The lines below are to be quoted exactly, from the first through the one that contains "#29=IFCINDEXEDPOLYGONALFACE((15,17,21,19));".

» SUPPLIED RECORDS
——
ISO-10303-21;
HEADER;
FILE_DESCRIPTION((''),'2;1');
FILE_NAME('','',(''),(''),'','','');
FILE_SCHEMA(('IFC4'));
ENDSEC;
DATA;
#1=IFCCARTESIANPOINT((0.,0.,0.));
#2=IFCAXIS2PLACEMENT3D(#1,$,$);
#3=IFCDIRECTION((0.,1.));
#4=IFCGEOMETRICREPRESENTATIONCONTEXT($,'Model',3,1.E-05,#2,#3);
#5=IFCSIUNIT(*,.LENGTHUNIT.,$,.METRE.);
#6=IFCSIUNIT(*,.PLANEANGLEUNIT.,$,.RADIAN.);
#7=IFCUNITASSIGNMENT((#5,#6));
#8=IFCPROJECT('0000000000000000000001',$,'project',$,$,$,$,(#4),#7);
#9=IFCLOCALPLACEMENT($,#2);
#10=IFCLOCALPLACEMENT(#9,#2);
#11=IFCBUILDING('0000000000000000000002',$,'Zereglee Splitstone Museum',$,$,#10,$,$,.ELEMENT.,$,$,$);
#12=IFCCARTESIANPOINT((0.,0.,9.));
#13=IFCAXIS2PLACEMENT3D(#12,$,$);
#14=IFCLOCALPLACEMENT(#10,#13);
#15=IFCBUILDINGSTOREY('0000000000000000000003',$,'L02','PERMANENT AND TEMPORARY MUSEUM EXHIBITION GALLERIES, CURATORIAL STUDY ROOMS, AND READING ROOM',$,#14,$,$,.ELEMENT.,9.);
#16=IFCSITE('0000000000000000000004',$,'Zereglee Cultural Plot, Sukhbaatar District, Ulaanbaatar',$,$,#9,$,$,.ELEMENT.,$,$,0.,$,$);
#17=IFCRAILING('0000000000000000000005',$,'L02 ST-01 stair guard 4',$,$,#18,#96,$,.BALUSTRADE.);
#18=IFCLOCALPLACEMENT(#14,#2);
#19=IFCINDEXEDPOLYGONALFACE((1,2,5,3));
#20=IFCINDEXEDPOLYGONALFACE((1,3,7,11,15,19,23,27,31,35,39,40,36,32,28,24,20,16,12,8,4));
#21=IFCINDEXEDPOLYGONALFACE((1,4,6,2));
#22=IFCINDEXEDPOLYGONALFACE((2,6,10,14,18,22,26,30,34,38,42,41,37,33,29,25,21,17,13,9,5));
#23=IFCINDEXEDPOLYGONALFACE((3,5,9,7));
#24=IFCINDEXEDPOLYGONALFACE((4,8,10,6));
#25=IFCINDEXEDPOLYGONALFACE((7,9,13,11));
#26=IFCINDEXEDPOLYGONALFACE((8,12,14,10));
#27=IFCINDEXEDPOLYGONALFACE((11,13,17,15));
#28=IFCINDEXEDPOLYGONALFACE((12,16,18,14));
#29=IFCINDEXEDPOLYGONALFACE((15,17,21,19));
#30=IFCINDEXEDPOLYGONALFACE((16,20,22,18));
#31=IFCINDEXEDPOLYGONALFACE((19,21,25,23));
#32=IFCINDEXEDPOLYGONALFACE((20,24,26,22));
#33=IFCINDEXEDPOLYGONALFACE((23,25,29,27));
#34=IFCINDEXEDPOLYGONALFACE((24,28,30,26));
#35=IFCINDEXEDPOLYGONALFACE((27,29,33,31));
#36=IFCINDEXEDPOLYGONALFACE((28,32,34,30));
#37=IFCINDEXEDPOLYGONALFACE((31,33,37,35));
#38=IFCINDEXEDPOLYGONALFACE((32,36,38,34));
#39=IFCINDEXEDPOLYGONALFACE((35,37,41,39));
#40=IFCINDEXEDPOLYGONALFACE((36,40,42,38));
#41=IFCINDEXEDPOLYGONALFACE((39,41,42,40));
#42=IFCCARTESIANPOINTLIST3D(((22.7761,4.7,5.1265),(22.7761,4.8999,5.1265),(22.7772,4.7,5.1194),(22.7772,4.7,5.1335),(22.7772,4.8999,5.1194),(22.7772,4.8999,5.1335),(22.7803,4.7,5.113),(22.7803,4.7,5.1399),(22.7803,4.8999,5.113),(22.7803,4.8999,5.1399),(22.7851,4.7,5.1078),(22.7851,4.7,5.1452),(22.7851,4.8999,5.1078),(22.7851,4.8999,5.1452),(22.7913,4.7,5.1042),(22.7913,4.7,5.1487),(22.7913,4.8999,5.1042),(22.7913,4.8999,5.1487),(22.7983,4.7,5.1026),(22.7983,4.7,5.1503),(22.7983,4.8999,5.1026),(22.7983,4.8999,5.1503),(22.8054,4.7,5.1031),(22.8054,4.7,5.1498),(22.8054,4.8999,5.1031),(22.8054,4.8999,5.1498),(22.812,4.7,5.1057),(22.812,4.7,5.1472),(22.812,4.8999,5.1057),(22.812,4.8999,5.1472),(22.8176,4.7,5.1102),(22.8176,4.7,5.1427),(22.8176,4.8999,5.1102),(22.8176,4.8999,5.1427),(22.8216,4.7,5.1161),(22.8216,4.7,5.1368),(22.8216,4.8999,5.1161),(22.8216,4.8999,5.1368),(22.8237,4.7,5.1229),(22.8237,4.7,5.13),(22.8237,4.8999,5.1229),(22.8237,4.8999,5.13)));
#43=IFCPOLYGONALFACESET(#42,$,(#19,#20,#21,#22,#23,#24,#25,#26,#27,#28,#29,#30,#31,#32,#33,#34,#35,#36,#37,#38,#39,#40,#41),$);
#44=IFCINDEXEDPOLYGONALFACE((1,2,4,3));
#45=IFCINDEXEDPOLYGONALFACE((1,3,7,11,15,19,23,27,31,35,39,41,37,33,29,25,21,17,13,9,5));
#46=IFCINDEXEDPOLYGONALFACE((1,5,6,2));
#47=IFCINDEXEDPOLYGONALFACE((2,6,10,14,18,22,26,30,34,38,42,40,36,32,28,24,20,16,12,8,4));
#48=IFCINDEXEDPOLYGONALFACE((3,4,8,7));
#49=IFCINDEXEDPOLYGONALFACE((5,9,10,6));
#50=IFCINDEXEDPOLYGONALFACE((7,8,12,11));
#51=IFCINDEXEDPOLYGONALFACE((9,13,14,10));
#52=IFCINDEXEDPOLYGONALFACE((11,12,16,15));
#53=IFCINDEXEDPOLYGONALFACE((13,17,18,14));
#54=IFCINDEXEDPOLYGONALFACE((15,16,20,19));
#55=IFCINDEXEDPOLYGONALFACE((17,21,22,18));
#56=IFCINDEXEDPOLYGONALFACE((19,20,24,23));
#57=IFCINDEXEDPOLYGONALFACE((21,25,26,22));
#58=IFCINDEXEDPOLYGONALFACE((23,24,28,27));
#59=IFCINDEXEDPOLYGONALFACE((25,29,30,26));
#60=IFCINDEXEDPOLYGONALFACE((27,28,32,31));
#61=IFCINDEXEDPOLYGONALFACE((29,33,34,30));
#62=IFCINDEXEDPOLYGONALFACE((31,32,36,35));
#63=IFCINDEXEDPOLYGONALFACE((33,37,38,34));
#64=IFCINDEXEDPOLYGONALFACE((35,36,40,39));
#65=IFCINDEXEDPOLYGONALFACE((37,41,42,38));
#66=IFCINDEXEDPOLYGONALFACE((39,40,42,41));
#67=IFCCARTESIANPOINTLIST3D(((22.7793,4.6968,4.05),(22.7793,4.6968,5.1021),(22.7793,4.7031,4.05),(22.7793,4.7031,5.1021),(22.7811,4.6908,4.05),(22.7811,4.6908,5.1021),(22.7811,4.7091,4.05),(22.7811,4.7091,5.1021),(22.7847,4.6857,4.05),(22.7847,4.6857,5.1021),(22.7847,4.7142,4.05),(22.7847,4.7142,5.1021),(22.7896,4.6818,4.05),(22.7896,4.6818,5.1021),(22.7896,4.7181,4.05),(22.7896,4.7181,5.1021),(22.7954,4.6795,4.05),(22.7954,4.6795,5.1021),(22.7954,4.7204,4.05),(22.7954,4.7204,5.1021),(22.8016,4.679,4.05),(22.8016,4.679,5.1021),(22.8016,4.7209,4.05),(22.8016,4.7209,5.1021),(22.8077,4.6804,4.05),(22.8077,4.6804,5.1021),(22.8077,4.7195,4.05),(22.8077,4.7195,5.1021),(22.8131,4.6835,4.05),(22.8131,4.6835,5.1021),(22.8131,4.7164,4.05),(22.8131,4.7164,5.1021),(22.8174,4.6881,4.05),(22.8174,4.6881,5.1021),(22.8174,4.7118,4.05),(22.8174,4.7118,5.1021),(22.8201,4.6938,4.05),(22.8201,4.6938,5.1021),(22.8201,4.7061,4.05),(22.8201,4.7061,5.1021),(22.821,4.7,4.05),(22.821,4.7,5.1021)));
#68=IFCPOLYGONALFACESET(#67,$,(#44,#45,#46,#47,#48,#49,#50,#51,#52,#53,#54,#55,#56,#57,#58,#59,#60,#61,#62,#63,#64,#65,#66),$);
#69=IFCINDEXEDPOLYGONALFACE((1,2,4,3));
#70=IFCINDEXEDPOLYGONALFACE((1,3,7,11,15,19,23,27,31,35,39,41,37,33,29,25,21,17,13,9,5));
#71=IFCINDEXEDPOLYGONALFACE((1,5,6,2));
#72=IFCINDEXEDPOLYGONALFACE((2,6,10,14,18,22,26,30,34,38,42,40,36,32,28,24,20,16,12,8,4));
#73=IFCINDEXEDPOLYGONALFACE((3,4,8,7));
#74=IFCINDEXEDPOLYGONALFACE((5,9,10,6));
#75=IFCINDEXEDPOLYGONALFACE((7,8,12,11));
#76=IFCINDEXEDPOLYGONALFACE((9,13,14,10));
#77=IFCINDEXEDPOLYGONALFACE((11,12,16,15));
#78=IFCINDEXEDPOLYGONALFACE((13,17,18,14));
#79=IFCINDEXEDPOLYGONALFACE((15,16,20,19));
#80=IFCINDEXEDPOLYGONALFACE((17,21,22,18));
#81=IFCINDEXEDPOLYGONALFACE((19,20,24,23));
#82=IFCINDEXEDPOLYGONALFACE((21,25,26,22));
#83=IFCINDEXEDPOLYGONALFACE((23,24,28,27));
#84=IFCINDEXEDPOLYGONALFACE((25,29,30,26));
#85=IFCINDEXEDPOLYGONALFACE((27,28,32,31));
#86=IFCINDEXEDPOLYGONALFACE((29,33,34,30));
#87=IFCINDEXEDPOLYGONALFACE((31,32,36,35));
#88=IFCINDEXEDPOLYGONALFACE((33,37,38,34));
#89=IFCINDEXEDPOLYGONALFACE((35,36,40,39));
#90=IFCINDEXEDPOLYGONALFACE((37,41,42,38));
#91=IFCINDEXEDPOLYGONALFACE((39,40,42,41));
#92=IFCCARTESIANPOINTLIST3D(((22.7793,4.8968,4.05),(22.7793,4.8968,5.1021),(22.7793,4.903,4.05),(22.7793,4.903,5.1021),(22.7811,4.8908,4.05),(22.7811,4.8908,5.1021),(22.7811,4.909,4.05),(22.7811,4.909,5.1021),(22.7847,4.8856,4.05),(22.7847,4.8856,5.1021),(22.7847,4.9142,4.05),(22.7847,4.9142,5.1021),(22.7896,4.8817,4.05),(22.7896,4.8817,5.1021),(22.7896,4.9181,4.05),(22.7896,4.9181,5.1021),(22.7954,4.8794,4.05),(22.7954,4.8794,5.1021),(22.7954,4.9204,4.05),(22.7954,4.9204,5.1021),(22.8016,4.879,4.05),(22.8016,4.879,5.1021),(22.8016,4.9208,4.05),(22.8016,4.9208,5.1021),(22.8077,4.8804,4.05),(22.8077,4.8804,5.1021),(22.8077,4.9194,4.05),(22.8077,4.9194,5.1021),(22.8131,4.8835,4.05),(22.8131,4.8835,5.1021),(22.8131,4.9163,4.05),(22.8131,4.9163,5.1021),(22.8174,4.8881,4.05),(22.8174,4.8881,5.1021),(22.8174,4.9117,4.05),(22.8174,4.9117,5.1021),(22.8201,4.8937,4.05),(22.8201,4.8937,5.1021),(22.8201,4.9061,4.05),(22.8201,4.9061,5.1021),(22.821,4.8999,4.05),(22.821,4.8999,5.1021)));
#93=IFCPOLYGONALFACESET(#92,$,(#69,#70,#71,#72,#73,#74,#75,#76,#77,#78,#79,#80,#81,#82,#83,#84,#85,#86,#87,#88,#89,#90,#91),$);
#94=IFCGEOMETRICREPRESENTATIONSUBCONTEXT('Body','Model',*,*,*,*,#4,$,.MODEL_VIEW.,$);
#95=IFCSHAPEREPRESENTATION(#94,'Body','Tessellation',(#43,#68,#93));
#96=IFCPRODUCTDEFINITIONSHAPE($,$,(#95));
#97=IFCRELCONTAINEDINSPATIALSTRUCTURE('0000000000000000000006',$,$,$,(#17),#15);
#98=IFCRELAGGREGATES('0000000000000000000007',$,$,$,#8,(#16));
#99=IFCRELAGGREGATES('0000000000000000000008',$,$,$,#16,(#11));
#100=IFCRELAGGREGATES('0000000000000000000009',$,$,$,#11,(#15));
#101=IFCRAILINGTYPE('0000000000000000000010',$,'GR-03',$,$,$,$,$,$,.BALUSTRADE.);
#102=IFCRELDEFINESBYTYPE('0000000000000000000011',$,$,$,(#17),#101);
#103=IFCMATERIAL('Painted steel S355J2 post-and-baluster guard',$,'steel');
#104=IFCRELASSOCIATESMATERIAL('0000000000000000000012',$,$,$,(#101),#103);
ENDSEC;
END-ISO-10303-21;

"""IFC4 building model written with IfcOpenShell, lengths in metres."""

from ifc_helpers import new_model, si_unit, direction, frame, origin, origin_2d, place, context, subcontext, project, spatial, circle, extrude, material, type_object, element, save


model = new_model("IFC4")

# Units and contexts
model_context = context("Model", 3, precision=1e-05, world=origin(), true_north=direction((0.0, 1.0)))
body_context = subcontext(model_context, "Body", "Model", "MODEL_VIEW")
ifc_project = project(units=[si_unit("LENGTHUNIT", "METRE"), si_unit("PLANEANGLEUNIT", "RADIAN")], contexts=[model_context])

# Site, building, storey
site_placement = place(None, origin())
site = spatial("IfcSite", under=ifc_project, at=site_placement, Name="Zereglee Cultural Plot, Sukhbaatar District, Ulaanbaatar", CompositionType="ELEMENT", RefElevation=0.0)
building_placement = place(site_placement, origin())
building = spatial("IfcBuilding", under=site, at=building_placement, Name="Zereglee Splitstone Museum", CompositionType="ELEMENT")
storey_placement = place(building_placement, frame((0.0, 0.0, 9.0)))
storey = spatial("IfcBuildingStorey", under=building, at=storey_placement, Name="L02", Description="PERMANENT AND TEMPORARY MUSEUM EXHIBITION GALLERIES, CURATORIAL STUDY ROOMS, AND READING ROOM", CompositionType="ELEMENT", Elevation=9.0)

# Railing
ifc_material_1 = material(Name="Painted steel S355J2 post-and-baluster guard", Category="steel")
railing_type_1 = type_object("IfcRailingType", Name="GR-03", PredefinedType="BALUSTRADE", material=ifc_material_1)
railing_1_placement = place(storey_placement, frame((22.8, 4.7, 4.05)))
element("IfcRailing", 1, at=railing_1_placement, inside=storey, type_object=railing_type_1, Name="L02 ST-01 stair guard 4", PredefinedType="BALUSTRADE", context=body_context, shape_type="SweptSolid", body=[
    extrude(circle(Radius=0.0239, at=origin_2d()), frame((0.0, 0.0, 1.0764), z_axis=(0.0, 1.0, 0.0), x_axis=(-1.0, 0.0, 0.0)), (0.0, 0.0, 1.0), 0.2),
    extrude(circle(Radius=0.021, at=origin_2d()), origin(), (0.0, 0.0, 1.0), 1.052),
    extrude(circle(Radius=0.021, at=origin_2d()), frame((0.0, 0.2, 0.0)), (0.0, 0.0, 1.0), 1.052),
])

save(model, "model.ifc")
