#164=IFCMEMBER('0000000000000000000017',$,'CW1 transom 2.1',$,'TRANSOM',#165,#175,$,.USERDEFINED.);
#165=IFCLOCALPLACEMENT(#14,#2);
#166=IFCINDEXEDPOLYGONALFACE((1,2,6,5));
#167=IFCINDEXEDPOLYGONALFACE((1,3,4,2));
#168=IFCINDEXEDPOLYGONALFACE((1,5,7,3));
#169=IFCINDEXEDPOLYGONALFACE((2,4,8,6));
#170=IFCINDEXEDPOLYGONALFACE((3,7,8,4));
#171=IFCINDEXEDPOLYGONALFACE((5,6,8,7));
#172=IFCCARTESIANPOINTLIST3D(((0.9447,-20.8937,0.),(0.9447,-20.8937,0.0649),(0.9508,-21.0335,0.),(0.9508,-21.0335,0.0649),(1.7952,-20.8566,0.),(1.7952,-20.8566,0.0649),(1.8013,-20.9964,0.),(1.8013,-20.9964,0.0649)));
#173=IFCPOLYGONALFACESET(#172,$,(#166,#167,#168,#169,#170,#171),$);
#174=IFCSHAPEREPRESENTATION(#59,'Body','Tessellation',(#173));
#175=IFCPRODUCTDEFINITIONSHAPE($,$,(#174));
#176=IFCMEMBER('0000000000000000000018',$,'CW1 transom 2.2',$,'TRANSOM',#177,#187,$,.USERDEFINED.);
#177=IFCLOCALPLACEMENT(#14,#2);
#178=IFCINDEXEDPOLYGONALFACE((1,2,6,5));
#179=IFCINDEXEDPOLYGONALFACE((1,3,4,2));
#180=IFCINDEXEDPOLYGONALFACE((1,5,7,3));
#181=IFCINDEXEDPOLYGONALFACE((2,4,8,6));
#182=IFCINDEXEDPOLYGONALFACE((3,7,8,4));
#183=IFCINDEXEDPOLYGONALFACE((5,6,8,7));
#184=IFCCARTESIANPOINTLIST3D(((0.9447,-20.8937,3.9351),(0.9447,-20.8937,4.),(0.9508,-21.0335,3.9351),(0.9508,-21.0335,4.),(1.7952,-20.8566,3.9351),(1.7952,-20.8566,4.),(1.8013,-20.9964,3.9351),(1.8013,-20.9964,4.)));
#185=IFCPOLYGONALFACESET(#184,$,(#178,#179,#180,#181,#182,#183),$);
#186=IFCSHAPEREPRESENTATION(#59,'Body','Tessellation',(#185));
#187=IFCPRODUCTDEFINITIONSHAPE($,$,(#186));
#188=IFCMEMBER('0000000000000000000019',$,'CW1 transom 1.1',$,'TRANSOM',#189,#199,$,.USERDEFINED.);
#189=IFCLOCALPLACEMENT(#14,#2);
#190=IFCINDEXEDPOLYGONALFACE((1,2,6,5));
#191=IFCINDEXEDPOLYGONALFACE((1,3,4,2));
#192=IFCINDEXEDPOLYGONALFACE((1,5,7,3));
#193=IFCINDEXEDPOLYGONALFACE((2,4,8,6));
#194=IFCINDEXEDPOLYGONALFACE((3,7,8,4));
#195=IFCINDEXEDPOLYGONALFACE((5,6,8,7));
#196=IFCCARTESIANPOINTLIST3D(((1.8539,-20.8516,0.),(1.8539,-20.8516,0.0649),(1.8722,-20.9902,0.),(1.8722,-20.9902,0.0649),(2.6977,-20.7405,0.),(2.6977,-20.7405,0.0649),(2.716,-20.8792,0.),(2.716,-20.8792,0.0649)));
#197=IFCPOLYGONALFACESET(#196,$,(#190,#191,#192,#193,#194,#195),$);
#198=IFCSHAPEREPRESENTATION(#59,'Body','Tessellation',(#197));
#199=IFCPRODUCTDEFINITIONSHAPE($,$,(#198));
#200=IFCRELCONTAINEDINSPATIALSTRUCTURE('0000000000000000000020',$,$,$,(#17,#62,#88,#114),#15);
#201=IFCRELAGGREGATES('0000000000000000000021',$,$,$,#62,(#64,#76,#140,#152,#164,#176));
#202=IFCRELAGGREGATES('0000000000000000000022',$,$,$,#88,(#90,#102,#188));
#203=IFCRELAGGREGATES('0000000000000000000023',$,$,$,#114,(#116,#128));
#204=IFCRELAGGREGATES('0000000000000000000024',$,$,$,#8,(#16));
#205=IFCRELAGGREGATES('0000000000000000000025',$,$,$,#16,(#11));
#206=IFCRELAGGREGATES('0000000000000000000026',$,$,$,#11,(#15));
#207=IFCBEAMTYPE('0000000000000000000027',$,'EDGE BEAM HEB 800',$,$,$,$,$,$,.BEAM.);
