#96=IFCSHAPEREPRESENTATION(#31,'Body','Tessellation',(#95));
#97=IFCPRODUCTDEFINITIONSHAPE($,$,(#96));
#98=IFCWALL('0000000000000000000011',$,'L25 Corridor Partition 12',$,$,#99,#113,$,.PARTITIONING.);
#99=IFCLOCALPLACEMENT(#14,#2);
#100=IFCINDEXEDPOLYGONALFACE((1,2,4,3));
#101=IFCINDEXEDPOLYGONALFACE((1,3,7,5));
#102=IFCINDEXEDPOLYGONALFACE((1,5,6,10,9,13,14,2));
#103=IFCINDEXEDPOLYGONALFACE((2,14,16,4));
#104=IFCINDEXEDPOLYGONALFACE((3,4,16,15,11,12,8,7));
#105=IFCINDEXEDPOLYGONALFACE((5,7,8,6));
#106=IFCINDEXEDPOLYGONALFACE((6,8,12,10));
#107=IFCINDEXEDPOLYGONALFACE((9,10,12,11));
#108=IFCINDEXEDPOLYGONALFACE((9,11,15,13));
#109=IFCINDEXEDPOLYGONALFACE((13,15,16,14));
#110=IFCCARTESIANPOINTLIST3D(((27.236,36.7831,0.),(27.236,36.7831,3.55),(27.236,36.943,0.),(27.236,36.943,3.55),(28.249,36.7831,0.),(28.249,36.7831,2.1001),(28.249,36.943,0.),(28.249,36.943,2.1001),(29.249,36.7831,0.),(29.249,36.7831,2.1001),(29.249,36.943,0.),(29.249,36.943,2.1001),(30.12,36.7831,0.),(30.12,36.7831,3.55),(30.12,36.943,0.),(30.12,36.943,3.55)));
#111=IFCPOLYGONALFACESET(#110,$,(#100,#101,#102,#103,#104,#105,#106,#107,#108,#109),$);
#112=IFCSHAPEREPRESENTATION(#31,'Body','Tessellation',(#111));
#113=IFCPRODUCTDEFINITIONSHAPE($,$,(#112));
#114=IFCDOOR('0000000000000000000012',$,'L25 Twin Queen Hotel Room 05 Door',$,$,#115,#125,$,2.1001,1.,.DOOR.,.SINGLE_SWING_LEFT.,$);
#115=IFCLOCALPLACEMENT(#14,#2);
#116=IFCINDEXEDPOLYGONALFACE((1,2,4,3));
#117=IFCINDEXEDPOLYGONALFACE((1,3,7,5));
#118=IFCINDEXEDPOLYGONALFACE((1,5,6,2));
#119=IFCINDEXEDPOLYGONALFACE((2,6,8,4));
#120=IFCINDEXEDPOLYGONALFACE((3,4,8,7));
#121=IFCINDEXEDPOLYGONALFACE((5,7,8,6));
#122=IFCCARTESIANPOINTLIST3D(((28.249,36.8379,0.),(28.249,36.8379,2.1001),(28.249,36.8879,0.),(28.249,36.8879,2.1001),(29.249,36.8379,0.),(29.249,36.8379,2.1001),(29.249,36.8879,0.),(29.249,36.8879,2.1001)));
——
» SOLUTION FOR THIS PROBLEM
ISO-10303-21;
HEADER;
FILE_DESCRIPTION((''),'2;1');
FILE_NAME('','',(''),(''),'','','');
FILE_SCHEMA(('IFC4'));
ENDSEC;
DATA;
#1=IFCCARTESIANPOINT((0.,0.,0.));
#2=IFCAXIS2PLACEMENT3D(#1,$,$);
#3=IFCDIRECTION((0.,1.));
#4=IFCGEOMETRICREPRESENTATIONCONTEXT($,'Model',3,1.E-05,#2,#3);
#5=IFCSIUNIT(*,.LENGTHUNIT.,$,.METRE.);
#6=IFCSIUNIT(*,.PLANEANGLEUNIT.,$,.RADIAN.);
#7=IFCUNITASSIGNMENT((#5,#6));
#8=IFCPROJECT('0000000000000000000001',$,'project',$,$,$,$,(#4),#7);
#9=IFCLOCALPLACEMENT($,#2);
#10=IFCLOCALPLACEMENT(#9,#2);
#11=IFCBUILDING('0000000000000000000002',$,'Zereglee Splitstone Museum',$,$,#10,$,$,.ELEMENT.,$,$,$);
#12=IFCCARTESIANPOINT((0.,0.,9.));
#13=IFCAXIS2PLACEMENT3D(#12,$,$);
#14=IFCLOCALPLACEMENT(#10,#13);
#15=IFCBUILDINGSTOREY('0000000000000000000003',$,'L02','PERMANENT AND TEMPORARY MUSEUM EXHIBITION GALLERIES, CURATORIAL STUDY ROOMS, AND READING ROOM',$,#14,$,$,.ELEMENT.,9.);
#16=IFCSITE('0000000000000000000004',$,'Zereglee Cultural Plot, Sukhbaatar District, Ulaanbaatar',$,$,#9,$,$,.ELEMENT.,$,$,0.,$,$);
#17=IFCRAILING('0000000000000000000005',$,'L02 ST-01 stair guard 4',$,$,#18,#96,$,.BALUSTRADE.);
#18=IFCLOCALPLACEMENT(#14,#2);
#19=IFCINDEXEDPOLYGONALFACE((1,2,5,3));
#20=IFCINDEXEDPOLYGONALFACE((1,3,7,11,15,19,23,27,31,35,39,40,36,32,28,24,20,16,12,8,4));
#21=IFCINDEXEDPOLYGONALFACE((1,4,6,2));
#22=IFCINDEXEDPOLYGONALFACE((2,6,10,14,18,22,26,30,34,38,42,41,37,33,29,25,21,17,13,9,5));
#23=IFCINDEXEDPOLYGONALFACE((3,5,9,7));
#24=IFCINDEXEDPOLYGONALFACE((4,8,10,6));
#25=IFCINDEXEDPOLYGONALFACE((7,9,13,11));
#26=IFCINDEXEDPOLYGONALFACE((8,12,14,10));
#27=IFCINDEXEDPOLYGONALFACE((11,13,17,15));
#28=IFCINDEXEDPOLYGONALFACE((12,16,18,14));
#29=IFCINDEXEDPOLYGONALFACE((15,17,21,19));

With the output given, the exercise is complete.